Task item: Only the lines that hold "concrete" should be in the answer, each copied from the data below.

Records from a dataset:
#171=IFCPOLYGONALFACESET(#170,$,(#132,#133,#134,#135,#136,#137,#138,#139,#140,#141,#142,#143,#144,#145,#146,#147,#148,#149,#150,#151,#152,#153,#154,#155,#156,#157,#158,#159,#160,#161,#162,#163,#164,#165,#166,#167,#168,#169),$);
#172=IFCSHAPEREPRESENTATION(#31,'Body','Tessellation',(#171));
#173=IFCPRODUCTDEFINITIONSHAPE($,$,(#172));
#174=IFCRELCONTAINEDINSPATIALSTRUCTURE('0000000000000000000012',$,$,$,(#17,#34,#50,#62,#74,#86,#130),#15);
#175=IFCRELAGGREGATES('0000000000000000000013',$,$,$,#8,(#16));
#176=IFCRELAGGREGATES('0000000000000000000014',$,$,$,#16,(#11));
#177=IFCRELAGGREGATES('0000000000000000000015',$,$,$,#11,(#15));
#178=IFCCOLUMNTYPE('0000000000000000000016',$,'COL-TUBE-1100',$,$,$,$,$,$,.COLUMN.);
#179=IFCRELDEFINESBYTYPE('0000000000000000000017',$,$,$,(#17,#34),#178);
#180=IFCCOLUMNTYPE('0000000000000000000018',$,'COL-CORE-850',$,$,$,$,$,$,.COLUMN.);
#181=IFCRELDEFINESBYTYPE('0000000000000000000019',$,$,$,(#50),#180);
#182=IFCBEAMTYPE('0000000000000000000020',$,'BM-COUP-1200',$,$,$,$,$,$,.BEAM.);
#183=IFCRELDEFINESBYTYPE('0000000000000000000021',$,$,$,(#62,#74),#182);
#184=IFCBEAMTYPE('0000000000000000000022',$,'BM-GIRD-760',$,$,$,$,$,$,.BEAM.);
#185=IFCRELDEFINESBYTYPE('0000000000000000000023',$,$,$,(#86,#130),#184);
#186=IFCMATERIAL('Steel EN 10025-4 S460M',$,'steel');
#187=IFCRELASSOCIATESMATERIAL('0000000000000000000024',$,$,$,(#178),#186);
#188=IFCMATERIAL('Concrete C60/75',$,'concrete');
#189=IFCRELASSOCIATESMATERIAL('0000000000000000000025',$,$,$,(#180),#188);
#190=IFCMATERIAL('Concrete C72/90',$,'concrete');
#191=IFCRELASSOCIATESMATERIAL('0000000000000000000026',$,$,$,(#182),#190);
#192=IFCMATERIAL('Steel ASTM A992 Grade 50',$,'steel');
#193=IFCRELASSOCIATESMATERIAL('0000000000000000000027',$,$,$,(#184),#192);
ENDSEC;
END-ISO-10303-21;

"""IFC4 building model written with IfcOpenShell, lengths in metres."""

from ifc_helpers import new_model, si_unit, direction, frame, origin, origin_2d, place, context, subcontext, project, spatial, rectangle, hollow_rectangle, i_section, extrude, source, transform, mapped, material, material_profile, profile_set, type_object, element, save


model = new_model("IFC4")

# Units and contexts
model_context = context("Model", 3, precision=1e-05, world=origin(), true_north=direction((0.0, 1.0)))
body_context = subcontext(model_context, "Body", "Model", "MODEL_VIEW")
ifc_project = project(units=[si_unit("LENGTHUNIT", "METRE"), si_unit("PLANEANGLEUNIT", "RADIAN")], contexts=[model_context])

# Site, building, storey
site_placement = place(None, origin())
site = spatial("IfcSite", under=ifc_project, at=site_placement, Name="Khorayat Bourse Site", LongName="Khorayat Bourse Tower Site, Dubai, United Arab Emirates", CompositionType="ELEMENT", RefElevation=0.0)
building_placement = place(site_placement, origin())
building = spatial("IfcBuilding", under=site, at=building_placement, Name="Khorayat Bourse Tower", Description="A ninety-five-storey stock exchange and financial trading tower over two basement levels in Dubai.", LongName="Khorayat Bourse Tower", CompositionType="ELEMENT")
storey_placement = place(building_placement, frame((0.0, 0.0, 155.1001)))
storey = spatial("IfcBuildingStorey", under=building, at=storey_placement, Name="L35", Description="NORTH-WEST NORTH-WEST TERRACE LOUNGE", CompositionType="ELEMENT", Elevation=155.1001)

==

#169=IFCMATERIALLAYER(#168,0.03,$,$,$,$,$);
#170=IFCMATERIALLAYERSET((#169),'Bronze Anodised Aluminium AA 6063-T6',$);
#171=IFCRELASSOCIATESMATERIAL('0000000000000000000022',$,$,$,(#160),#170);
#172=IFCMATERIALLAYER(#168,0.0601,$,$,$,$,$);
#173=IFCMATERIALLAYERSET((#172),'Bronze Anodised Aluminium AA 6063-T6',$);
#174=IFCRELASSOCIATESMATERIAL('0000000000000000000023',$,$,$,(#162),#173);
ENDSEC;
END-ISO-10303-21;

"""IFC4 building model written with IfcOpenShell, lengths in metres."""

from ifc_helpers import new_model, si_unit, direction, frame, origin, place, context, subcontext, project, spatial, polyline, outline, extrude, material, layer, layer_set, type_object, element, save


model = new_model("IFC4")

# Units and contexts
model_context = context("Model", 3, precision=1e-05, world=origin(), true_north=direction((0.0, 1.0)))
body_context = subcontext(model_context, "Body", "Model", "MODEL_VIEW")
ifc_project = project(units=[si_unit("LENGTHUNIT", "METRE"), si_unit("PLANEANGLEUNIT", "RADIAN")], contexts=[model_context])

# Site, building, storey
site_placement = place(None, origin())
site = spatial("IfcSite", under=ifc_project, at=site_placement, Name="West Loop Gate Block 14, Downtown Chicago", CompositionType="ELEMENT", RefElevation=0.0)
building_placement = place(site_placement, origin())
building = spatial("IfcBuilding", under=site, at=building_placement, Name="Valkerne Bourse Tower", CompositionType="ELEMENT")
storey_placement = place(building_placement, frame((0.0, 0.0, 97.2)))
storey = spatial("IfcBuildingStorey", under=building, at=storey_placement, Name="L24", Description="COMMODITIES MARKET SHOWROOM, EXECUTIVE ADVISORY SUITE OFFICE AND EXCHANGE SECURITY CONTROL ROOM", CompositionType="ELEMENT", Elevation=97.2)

Final answer:
#188=IFCMATERIAL('Concrete C60/75',$,'concrete');
#190=IFCMATERIAL('Concrete C72/90',$,'concrete');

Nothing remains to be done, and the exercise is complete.